● YOUR TASK
Beginning with the opening line, restate the following material exactly, up through the line that contains "#124=IFCINDEXEDPOLYGONALFACE((5,9,10,6));".

-------- DATA SHOWN --------

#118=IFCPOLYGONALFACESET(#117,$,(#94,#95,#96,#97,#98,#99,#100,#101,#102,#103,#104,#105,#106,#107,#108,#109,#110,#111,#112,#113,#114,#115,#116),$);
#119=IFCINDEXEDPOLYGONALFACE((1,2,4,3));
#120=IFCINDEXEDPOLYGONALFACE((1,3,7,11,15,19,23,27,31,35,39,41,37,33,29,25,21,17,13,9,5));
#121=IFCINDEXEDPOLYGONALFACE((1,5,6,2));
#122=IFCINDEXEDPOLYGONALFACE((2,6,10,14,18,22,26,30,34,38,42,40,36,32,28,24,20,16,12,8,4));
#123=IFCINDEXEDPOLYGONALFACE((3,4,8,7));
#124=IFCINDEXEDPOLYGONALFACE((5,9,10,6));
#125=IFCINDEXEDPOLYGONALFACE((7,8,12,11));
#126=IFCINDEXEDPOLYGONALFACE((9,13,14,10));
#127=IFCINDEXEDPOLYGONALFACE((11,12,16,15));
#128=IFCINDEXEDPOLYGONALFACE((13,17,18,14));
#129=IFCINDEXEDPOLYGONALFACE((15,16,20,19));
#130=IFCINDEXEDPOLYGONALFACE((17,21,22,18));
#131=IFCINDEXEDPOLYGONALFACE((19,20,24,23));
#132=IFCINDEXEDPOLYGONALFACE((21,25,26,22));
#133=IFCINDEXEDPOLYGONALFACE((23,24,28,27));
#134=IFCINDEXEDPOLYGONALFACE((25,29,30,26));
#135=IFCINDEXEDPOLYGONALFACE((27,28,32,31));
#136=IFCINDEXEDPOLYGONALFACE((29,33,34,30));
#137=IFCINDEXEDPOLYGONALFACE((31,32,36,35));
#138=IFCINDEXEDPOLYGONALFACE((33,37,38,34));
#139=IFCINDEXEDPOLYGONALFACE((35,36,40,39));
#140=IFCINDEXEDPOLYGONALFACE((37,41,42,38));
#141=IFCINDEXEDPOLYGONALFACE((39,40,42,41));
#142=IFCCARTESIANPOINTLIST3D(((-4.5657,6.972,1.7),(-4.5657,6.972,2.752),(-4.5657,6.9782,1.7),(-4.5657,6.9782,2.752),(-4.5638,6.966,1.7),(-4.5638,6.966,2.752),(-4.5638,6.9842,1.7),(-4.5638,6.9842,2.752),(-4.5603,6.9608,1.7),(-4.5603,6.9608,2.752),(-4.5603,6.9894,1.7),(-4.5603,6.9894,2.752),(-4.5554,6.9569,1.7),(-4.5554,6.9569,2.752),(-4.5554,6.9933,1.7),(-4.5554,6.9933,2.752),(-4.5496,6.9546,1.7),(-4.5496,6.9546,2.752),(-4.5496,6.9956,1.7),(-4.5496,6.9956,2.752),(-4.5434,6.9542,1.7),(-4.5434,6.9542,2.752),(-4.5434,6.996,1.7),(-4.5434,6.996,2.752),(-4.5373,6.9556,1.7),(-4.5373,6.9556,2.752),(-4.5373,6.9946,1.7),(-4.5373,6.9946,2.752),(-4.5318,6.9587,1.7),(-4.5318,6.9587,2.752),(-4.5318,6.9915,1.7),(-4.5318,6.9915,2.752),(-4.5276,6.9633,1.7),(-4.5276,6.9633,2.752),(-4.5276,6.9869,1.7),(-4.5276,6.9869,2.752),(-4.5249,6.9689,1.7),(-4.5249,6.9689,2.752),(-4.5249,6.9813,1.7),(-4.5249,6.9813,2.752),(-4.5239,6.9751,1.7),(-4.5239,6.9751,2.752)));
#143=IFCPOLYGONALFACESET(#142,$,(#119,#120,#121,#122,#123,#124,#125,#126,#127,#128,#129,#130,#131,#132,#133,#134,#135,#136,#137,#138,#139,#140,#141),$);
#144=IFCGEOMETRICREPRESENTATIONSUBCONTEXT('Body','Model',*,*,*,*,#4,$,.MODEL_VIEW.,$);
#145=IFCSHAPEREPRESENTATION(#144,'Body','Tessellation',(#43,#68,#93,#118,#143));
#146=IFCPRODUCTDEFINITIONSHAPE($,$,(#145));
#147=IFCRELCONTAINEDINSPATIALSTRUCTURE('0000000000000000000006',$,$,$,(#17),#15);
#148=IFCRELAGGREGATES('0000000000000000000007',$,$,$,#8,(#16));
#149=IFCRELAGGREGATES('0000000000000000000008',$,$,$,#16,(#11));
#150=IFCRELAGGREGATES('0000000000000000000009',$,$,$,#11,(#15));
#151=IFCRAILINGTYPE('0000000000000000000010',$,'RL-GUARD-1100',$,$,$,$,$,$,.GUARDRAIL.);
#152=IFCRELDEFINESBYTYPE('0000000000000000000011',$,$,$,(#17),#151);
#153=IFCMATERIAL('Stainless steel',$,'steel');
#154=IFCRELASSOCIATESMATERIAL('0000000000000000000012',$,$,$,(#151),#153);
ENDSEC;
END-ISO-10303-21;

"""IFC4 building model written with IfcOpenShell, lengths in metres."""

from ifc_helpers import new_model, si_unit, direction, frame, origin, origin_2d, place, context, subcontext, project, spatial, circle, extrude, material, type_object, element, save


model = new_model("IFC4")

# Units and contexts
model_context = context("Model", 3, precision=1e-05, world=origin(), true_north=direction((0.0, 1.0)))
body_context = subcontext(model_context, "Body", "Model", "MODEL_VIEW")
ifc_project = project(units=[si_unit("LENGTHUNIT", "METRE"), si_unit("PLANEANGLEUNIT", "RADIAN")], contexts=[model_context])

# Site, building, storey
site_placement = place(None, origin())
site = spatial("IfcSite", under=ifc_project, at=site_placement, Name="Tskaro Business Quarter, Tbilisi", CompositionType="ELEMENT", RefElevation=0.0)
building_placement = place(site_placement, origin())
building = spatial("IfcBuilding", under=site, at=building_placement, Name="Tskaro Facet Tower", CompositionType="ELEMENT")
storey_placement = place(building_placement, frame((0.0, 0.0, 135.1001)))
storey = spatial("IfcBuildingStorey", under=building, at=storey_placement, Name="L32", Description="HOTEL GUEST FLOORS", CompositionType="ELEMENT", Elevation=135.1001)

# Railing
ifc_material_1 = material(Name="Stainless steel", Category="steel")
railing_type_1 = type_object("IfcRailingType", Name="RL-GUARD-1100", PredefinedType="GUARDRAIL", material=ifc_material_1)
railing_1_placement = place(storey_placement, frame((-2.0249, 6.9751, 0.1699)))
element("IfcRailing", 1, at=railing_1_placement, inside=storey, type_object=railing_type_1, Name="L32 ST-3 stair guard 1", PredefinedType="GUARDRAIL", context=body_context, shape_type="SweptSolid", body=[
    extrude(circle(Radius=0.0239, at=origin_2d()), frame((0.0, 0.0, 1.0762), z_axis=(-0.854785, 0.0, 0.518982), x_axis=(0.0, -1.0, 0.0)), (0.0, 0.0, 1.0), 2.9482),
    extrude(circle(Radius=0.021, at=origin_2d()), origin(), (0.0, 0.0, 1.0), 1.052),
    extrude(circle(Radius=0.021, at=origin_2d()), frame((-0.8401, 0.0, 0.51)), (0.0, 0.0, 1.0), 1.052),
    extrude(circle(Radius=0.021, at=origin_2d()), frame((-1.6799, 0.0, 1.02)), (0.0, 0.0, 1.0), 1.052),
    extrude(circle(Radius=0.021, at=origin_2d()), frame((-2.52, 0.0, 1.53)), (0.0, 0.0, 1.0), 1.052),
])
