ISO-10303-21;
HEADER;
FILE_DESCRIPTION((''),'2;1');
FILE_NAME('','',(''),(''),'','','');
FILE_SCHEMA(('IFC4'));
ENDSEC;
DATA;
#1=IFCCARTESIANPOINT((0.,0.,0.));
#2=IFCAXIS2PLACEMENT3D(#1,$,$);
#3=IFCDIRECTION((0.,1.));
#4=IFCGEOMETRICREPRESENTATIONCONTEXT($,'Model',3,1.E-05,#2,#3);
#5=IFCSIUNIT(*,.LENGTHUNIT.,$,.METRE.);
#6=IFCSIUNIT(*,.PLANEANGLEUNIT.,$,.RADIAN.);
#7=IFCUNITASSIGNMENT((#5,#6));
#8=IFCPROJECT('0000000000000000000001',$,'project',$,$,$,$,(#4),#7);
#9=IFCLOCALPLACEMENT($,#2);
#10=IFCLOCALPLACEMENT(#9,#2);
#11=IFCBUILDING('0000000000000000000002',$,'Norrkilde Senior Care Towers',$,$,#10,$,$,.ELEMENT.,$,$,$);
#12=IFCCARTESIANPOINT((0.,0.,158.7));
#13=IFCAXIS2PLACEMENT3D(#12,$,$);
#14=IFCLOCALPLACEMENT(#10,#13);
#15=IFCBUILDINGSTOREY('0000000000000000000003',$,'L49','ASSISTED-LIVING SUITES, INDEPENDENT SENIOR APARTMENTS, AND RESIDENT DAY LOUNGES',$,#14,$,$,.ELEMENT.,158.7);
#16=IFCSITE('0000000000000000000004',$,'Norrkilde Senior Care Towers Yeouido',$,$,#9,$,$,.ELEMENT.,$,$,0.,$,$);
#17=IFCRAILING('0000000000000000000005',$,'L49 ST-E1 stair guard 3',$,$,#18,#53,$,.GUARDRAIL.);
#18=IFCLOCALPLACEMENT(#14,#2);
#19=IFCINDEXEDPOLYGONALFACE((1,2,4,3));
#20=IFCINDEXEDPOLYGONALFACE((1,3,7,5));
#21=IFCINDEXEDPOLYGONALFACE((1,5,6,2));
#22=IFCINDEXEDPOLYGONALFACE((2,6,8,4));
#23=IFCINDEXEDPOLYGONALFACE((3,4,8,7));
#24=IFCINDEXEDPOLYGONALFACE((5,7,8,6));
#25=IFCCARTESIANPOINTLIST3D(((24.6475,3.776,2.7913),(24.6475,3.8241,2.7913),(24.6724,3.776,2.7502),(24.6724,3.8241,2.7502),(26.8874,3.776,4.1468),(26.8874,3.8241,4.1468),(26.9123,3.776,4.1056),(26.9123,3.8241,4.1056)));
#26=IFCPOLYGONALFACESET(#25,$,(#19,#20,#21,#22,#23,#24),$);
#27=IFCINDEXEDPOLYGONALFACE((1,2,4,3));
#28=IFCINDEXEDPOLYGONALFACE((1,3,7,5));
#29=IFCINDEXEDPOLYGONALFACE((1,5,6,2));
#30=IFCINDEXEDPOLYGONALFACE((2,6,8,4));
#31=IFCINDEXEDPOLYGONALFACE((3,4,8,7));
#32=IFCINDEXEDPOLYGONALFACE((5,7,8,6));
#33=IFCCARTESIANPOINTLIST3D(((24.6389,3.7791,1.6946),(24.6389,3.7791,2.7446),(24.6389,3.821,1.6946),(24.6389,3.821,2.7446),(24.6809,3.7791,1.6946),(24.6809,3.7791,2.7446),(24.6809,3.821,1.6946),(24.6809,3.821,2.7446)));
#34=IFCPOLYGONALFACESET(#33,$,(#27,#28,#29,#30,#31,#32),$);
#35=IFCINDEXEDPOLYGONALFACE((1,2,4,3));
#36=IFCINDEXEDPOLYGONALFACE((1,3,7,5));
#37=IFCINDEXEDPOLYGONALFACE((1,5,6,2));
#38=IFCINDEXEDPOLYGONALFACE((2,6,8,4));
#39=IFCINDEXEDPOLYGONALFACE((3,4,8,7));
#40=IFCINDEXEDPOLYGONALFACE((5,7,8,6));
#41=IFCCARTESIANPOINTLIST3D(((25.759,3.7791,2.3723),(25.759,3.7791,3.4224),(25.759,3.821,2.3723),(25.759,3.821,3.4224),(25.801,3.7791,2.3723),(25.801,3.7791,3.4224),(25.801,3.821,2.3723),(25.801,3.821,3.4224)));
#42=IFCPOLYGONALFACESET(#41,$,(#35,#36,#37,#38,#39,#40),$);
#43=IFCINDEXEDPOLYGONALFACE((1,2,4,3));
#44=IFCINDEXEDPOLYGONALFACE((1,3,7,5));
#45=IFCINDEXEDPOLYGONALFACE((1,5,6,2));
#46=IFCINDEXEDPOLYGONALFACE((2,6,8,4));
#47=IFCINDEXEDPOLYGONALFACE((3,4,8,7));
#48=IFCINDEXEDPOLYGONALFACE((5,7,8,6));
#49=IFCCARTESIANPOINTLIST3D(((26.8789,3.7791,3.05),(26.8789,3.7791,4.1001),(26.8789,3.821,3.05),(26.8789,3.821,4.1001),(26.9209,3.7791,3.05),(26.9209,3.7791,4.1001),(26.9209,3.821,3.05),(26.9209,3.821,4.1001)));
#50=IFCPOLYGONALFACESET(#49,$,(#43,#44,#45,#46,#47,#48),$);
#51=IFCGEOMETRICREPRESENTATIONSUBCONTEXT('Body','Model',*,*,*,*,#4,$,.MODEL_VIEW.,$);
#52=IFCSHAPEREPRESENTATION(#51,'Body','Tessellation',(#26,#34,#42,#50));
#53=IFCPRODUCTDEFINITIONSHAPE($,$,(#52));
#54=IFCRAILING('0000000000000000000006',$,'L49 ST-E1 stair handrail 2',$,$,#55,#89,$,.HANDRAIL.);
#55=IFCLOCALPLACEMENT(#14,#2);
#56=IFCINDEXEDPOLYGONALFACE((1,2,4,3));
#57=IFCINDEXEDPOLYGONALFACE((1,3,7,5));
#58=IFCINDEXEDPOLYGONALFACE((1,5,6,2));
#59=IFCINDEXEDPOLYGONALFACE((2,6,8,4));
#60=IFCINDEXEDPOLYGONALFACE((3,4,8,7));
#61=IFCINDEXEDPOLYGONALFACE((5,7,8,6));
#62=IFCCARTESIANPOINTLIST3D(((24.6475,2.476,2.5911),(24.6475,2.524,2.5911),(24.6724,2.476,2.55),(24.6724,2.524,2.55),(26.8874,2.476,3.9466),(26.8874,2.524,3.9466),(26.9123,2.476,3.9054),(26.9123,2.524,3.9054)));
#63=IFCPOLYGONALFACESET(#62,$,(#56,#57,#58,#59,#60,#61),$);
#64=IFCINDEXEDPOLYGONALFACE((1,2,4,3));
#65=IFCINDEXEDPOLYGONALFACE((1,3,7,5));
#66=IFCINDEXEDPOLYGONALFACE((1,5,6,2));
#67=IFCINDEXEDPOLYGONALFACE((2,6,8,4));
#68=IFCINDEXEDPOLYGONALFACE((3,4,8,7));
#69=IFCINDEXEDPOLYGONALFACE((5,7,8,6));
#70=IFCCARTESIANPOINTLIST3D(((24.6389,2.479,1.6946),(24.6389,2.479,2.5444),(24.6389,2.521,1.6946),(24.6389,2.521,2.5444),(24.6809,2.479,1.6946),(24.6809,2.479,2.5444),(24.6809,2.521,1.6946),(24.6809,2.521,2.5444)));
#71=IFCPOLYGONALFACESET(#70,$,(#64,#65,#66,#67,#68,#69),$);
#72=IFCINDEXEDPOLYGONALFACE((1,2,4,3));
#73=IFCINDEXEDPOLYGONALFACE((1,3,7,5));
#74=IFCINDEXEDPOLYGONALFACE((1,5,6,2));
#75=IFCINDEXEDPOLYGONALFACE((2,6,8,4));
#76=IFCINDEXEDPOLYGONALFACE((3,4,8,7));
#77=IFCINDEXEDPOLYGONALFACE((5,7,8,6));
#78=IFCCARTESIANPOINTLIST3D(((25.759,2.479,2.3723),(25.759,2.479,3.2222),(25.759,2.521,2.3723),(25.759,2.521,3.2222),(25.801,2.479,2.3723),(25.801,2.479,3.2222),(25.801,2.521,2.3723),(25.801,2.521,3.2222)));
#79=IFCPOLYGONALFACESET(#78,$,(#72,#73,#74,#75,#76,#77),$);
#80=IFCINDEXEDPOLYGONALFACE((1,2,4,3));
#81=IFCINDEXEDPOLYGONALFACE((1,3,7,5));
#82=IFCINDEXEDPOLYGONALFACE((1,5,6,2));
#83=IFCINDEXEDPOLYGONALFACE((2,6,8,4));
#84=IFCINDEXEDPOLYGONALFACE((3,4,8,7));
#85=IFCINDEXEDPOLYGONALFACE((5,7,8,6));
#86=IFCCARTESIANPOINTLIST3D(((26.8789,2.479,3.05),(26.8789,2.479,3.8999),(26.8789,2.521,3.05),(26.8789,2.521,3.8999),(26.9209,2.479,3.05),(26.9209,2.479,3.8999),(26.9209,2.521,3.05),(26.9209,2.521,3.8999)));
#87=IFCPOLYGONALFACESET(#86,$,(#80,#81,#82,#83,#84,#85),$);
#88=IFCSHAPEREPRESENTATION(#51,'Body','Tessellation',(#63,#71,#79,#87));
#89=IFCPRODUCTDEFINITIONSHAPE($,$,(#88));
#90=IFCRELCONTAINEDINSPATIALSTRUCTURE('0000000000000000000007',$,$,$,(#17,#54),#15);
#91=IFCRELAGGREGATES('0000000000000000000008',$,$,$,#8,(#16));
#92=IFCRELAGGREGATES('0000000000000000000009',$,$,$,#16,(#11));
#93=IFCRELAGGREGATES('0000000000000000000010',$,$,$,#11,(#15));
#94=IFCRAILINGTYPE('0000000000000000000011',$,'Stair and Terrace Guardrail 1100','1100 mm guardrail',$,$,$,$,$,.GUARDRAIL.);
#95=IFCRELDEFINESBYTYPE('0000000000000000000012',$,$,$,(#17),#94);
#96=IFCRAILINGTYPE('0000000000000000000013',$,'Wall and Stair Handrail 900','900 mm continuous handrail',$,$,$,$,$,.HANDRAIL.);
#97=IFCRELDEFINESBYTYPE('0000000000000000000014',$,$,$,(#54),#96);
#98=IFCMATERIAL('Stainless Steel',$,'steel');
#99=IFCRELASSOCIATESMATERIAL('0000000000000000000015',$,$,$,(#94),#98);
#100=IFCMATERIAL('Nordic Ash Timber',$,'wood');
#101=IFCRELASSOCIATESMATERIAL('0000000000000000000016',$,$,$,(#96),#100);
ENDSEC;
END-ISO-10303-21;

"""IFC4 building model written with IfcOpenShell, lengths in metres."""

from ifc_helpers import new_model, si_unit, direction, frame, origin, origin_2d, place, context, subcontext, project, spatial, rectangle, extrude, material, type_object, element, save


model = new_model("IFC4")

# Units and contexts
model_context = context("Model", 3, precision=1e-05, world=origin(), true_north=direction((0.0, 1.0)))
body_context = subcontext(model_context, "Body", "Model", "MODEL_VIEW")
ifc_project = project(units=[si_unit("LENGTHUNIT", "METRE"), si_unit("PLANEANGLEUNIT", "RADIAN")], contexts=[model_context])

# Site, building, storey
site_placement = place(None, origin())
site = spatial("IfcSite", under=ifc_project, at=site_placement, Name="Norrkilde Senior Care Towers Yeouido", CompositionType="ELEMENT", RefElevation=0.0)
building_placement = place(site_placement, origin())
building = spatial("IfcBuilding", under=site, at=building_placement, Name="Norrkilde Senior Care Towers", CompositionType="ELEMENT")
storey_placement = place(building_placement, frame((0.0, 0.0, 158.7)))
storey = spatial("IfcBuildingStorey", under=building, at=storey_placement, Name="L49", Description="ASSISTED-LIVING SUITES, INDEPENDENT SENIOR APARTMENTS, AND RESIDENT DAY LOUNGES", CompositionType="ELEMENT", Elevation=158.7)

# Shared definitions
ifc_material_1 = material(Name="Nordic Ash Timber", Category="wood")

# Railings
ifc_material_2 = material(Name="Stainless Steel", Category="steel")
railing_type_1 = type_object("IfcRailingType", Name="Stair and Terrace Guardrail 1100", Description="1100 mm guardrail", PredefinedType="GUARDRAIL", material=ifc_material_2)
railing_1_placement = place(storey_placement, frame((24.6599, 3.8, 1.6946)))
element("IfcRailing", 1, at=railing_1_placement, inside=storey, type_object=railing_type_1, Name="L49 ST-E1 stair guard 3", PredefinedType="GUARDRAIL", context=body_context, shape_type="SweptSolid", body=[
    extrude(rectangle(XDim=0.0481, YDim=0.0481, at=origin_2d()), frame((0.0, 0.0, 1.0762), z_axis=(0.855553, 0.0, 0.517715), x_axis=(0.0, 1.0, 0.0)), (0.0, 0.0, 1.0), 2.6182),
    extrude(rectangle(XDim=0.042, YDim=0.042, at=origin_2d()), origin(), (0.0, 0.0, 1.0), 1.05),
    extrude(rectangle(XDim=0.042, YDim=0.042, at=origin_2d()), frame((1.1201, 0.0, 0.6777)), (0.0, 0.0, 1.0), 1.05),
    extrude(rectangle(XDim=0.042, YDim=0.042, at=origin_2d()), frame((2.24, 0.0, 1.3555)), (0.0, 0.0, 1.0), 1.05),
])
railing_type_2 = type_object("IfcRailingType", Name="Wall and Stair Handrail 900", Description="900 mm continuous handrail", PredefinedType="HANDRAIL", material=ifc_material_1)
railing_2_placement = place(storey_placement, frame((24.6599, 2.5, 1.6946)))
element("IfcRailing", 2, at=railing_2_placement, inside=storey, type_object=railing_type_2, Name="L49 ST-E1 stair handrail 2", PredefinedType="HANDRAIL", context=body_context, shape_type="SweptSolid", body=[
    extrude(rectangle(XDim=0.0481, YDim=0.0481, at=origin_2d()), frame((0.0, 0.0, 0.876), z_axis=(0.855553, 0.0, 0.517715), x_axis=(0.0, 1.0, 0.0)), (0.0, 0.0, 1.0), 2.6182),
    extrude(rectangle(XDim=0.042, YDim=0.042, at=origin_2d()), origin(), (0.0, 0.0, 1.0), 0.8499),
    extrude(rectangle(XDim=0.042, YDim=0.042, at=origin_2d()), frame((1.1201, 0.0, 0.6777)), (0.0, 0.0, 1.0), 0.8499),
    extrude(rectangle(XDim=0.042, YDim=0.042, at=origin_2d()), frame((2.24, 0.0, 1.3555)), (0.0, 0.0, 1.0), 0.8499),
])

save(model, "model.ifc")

--------

● EXERCISE OUTPUT
#118=IFCPOLYGONALFACESET(#117,$,(#94,#95,#96,#97,#98,#99,#100,#101,#102,#103,#104,#105,#106,#107,#108,#109,#110,#111,#112,#113,#114,#115,#116),$);
#119=IFCINDEXEDPOLYGONALFACE((1,2,4,3));
#120=IFCINDEXEDPOLYGONALFACE((1,3,7,11,15,19,23,27,31,35,39,41,37,33,29,25,21,17,13,9,5));
#121=IFCINDEXEDPOLYGONALFACE((1,5,6,2));
#122=IFCINDEXEDPOLYGONALFACE((2,6,10,14,18,22,26,30,34,38,42,40,36,32,28,24,20,16,12,8,4));
#123=IFCINDEXEDPOLYGONALFACE((3,4,8,7));
#124=IFCINDEXEDPOLYGONALFACE((5,9,10,6));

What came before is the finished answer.